## EXERCISE DIRECTIONS
In the records below, begin at the line that has "#82=IFCINDEXEDPOLYGONALFACE((21,25,26,22));" and stop after the line that has "#91=IFCINDEXEDPOLYGONALFACE((39,40,42,41));"; quote those lines verbatim and nothing more.

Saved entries
################

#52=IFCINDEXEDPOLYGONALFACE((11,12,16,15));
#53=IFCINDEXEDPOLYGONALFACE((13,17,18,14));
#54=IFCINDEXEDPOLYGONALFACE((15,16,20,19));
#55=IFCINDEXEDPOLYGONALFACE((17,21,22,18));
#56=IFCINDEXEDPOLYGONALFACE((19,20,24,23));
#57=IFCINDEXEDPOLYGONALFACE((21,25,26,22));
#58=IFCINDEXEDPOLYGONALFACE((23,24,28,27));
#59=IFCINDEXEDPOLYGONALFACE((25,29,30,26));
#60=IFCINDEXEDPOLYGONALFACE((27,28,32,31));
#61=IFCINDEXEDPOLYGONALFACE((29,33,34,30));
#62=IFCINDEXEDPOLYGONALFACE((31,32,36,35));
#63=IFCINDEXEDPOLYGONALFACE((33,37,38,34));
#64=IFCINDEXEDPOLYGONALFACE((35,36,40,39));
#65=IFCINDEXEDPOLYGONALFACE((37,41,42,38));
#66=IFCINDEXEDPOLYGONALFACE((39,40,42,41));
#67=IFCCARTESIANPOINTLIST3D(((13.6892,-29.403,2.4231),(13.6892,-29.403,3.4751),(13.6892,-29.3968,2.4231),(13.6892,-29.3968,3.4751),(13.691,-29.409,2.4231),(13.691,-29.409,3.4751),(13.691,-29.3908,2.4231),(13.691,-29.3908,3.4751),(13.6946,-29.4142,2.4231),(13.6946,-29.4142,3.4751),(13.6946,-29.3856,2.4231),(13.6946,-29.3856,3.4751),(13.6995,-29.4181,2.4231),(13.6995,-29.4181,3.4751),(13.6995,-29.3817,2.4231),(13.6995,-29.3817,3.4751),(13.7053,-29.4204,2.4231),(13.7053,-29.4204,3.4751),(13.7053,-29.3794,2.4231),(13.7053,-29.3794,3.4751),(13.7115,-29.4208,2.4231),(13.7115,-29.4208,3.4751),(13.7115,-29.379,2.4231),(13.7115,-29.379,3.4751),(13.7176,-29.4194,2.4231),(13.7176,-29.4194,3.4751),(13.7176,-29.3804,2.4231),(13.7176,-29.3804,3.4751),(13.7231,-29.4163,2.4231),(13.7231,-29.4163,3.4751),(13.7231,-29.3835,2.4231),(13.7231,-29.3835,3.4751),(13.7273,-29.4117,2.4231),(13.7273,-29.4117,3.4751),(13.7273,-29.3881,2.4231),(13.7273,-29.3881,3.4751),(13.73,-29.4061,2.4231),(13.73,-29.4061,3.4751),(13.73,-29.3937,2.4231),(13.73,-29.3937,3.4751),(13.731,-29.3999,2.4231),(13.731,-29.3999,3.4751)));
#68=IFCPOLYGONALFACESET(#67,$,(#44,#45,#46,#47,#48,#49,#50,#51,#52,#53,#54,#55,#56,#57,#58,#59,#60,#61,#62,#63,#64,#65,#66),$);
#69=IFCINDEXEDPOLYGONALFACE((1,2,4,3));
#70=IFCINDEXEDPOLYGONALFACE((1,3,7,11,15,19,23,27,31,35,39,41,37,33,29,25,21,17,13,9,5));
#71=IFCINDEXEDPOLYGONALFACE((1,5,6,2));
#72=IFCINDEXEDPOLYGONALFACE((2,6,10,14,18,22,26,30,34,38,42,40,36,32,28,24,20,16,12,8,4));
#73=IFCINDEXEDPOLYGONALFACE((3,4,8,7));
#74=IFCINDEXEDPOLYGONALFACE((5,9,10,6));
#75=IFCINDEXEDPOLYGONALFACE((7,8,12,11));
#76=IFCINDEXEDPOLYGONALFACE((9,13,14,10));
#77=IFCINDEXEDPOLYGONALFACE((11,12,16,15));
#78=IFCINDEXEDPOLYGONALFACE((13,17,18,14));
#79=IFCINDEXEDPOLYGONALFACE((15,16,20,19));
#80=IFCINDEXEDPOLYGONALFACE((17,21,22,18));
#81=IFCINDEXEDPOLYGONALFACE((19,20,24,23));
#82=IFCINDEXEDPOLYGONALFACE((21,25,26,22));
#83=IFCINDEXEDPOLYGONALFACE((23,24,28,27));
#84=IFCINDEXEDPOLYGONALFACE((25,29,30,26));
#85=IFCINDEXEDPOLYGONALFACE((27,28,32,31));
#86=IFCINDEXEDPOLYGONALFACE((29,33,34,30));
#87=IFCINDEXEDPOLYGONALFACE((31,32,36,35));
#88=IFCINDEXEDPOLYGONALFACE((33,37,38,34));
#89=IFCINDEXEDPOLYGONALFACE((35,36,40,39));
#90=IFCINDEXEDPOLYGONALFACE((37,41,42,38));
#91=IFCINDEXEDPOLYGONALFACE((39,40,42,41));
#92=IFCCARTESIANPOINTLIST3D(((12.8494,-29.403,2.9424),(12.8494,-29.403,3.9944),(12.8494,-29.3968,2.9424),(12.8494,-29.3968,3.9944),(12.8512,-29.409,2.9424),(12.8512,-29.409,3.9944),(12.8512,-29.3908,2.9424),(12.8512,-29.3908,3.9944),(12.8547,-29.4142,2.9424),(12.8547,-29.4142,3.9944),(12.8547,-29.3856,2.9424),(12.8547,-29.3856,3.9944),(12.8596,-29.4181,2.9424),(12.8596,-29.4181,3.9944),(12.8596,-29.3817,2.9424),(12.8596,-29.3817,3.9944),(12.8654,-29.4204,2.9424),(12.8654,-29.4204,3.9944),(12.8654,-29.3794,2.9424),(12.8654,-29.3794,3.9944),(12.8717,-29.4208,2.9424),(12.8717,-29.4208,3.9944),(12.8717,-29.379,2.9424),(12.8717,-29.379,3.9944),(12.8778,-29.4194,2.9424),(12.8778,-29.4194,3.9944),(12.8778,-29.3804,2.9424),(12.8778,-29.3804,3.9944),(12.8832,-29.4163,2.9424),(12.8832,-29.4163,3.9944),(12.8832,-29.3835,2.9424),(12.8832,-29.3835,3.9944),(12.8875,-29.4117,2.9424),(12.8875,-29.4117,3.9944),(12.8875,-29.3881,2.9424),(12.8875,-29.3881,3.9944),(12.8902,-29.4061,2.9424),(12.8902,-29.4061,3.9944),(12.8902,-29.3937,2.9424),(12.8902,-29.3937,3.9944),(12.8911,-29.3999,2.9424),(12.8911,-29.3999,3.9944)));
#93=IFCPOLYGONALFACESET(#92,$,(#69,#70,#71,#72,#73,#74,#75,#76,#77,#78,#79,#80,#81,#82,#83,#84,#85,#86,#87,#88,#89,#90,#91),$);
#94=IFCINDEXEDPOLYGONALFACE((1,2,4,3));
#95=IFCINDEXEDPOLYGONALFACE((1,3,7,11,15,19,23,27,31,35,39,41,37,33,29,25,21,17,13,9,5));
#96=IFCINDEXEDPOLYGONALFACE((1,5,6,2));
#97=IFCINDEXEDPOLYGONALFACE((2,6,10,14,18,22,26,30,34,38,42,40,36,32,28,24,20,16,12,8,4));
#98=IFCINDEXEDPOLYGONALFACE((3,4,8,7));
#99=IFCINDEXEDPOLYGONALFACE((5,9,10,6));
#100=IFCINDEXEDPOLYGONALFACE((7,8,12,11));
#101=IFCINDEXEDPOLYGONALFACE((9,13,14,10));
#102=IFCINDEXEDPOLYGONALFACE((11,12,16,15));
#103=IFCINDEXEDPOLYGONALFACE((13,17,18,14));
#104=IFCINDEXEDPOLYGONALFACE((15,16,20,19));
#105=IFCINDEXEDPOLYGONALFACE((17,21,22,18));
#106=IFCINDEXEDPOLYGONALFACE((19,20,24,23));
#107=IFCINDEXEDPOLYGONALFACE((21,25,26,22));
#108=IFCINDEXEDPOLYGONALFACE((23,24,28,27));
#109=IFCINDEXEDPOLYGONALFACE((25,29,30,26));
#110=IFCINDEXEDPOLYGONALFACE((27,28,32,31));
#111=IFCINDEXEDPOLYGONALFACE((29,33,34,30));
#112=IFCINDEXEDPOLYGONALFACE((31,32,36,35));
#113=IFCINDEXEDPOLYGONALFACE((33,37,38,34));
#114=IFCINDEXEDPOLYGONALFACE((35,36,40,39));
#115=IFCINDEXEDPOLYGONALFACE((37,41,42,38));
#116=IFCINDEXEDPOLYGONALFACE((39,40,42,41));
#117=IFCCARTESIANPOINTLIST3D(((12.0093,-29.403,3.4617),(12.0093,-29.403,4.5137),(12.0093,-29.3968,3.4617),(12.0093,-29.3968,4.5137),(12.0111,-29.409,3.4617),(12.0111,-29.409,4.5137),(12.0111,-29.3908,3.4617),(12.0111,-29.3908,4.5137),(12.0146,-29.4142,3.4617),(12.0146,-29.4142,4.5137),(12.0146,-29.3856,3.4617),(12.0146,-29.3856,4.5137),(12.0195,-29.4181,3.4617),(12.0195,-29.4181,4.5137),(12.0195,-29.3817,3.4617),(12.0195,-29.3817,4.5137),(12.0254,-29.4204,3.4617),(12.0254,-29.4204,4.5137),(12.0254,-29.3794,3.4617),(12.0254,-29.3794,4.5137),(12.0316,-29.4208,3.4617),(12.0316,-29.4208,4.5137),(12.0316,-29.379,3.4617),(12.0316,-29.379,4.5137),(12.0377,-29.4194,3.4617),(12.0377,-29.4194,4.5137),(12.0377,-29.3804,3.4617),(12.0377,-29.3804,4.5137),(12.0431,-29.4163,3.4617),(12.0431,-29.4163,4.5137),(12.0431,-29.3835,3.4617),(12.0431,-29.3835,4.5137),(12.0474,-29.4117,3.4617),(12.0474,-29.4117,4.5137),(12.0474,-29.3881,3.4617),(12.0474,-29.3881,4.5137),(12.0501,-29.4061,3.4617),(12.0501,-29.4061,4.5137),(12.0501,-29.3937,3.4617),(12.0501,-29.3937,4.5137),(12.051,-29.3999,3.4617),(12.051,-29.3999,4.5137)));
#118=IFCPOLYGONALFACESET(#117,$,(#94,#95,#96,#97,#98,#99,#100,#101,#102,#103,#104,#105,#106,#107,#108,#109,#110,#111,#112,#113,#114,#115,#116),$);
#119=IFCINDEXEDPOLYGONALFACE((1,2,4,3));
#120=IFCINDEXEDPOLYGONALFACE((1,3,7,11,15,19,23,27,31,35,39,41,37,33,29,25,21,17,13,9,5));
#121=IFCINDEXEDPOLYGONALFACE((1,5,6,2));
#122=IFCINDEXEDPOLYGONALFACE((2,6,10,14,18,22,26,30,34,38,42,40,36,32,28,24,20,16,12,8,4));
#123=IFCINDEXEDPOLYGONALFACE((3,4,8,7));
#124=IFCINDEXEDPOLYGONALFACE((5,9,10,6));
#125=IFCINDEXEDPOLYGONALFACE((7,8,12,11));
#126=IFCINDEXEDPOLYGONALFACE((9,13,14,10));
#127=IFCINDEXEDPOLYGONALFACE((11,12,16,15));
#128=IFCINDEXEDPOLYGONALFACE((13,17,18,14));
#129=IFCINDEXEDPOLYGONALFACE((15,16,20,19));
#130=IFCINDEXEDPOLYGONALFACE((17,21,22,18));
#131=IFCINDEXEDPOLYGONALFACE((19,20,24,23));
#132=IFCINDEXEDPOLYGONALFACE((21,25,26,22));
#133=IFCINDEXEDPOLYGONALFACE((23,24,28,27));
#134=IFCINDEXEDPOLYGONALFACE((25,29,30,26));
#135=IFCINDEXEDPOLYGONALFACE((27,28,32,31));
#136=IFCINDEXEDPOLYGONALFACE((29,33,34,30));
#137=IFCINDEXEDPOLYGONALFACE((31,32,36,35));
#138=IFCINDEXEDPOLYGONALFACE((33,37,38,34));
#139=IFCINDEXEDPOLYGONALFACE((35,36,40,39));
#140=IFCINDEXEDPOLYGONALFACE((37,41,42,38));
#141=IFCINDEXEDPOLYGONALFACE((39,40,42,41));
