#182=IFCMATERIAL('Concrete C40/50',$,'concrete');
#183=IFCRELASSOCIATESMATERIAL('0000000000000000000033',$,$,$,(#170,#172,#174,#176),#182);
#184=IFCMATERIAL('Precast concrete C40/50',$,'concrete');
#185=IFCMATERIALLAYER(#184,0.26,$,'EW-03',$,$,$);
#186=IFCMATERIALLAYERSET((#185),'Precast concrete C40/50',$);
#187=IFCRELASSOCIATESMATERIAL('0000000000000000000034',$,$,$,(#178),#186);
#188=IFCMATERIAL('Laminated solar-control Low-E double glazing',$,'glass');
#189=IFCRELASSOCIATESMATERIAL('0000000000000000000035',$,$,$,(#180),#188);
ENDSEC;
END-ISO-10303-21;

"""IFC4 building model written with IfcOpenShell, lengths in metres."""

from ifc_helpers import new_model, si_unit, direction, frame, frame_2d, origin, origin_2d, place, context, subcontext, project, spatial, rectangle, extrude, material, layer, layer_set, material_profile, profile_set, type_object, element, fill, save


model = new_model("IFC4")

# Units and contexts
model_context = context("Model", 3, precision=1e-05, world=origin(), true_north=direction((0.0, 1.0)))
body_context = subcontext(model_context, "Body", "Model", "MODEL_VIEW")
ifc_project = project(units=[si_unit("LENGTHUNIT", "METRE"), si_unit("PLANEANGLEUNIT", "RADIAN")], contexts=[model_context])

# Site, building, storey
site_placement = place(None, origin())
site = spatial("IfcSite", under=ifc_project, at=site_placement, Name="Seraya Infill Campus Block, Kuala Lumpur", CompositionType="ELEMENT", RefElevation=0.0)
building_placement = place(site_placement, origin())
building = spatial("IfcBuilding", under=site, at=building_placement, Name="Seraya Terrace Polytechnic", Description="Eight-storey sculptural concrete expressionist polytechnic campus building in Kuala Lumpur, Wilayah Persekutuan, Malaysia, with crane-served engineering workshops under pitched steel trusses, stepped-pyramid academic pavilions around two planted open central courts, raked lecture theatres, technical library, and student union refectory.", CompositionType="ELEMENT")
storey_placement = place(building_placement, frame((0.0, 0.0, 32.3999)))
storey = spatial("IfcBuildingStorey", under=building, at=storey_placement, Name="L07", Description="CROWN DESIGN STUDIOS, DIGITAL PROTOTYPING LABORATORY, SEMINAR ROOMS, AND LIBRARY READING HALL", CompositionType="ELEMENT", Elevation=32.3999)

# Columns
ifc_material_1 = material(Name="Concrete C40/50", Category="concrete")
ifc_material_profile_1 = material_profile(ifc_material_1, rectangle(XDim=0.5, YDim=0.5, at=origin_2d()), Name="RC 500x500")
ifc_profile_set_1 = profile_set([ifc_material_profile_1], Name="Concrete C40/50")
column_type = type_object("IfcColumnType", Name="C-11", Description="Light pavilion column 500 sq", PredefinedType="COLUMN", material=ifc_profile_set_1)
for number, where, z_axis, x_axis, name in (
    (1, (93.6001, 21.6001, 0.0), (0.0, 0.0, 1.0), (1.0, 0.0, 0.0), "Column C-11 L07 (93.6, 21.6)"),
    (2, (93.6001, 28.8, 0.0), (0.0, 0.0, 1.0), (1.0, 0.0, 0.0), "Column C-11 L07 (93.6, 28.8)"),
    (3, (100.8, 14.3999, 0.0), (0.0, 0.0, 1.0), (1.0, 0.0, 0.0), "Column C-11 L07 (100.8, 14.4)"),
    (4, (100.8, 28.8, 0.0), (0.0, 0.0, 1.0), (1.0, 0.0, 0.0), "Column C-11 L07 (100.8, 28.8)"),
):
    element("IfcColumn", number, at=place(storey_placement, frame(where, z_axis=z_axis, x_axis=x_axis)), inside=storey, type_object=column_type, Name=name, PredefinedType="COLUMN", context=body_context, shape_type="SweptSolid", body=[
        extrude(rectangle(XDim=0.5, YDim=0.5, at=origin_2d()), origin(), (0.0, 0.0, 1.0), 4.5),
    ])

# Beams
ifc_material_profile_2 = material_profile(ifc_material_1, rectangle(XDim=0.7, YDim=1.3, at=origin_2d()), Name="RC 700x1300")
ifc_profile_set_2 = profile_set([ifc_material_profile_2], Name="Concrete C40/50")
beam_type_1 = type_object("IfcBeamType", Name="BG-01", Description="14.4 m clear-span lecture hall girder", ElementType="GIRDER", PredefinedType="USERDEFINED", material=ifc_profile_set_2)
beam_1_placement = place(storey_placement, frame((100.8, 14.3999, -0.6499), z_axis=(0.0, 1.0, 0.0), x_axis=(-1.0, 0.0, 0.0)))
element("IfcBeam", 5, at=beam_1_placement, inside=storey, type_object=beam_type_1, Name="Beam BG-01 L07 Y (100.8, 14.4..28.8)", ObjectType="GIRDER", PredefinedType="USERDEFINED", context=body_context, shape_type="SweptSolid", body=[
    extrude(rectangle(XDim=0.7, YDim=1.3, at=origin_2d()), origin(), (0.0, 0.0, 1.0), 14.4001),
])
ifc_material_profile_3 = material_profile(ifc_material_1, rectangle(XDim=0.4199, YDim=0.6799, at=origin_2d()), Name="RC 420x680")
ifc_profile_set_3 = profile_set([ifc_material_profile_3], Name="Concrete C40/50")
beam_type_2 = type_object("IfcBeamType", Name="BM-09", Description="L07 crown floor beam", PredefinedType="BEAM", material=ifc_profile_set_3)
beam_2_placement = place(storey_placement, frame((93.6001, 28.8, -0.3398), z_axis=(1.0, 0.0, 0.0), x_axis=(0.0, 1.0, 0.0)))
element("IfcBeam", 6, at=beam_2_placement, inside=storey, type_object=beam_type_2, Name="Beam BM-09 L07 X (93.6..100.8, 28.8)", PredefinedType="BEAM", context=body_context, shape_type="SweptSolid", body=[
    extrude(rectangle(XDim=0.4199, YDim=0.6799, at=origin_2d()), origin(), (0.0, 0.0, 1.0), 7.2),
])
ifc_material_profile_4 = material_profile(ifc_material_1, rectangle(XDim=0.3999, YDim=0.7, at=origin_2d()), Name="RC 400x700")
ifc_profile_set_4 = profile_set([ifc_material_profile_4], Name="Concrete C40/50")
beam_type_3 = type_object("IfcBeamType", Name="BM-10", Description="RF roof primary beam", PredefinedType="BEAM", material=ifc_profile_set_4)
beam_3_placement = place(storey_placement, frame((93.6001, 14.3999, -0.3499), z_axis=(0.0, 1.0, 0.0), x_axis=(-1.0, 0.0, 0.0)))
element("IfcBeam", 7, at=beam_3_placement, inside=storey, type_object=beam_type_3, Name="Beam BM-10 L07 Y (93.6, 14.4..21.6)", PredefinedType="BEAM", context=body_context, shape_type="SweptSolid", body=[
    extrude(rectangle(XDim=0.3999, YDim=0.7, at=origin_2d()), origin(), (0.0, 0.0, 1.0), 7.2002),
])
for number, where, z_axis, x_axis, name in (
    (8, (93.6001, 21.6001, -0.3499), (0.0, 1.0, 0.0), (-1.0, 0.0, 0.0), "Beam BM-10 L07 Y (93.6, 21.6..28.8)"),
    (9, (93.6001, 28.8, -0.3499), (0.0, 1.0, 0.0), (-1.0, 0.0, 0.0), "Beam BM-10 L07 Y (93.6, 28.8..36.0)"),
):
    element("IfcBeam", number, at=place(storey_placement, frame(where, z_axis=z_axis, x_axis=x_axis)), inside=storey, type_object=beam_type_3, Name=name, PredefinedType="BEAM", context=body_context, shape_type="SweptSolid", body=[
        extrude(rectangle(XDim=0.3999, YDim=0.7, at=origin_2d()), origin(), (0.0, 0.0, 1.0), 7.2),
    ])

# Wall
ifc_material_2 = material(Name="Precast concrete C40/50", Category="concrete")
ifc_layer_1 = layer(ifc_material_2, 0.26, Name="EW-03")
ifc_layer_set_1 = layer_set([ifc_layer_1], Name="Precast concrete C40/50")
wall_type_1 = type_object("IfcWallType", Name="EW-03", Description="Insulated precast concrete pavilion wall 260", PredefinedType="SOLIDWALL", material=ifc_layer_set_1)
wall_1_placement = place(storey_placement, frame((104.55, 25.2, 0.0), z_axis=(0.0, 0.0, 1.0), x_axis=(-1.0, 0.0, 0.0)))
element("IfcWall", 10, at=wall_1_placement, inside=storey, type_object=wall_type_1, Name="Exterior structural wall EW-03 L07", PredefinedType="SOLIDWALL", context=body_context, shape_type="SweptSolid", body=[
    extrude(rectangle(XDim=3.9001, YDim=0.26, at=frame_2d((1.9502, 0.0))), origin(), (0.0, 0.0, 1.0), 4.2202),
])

################

## ANSWER FOR THE TASK
#82=IFCINDEXEDPOLYGONALFACE((21,25,26,22));
#83=IFCINDEXEDPOLYGONALFACE((23,24,28,27));
#84=IFCINDEXEDPOLYGONALFACE((25,29,30,26));
#85=IFCINDEXEDPOLYGONALFACE((27,28,32,31));
#86=IFCINDEXEDPOLYGONALFACE((29,33,34,30));
#87=IFCINDEXEDPOLYGONALFACE((31,32,36,35));
#88=IFCINDEXEDPOLYGONALFACE((33,37,38,34));
#89=IFCINDEXEDPOLYGONALFACE((35,36,40,39));
#90=IFCINDEXEDPOLYGONALFACE((37,41,42,38));
#91=IFCINDEXEDPOLYGONALFACE((39,40,42,41));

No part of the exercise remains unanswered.